WHAT IS REQUIRED >>
Filter the listing below, keeping every line that holds "IFCINDEXEDPOLYGONALFACEWITHVOIDS".

TASK INPUTS >>
_ _ _

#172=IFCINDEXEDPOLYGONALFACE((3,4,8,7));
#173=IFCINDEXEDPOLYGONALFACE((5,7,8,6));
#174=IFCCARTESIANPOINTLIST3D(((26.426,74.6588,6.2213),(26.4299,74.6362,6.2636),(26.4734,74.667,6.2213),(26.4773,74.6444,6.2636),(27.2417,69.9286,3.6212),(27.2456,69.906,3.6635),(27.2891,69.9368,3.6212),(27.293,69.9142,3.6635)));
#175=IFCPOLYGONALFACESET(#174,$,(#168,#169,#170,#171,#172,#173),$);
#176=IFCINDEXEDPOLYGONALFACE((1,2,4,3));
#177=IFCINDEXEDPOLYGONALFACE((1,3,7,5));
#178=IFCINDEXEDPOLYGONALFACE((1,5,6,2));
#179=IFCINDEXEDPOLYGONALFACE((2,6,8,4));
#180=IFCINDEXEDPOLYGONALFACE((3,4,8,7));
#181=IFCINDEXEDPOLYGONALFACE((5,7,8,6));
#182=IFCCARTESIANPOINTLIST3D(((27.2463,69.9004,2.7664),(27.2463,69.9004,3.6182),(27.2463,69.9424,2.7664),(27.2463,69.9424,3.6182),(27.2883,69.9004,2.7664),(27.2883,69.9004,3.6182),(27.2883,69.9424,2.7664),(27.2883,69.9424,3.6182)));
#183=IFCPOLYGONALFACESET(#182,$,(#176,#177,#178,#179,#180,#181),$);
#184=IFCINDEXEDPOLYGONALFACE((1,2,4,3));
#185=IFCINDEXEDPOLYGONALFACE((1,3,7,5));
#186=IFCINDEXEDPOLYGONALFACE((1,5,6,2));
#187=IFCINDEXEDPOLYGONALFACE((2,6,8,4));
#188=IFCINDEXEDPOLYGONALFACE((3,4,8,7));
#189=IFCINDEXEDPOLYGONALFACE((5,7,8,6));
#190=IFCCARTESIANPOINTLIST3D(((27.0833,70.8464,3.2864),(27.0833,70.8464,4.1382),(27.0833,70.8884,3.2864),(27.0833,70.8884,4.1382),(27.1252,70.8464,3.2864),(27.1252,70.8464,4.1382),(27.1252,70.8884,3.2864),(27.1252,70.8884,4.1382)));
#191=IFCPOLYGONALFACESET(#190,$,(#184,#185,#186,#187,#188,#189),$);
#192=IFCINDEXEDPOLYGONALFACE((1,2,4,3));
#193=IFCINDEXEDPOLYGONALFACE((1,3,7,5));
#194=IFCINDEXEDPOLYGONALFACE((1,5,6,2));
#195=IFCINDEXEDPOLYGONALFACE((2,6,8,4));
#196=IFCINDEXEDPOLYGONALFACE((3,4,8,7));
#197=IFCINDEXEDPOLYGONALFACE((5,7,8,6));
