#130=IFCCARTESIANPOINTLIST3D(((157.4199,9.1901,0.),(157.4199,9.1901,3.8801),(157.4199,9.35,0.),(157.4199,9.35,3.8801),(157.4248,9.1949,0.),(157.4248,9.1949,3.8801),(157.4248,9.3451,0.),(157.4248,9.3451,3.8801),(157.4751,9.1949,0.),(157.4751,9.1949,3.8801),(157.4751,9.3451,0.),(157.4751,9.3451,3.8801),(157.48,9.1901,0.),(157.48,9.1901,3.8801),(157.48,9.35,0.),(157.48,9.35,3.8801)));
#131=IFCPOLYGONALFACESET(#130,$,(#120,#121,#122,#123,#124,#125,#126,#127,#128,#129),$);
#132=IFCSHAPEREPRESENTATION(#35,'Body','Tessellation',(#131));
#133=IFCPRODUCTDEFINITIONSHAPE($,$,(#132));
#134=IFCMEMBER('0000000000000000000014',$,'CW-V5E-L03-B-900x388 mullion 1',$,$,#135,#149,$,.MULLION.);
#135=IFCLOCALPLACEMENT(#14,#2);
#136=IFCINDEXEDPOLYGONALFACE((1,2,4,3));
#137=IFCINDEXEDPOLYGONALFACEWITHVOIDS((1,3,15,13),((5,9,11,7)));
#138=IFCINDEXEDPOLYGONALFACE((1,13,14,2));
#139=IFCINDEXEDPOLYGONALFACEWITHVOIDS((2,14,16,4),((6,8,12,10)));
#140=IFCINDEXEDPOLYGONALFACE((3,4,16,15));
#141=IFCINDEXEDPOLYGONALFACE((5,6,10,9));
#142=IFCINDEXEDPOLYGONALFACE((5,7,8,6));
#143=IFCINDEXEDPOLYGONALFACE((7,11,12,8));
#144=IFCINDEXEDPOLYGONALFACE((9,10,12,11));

_ _ _

OUTPUT OF THE TASK >>
#137=IFCINDEXEDPOLYGONALFACEWITHVOIDS((1,3,15,13),((5,9,11,7)));
#139=IFCINDEXEDPOLYGONALFACEWITHVOIDS((2,14,16,4),((6,8,12,10)));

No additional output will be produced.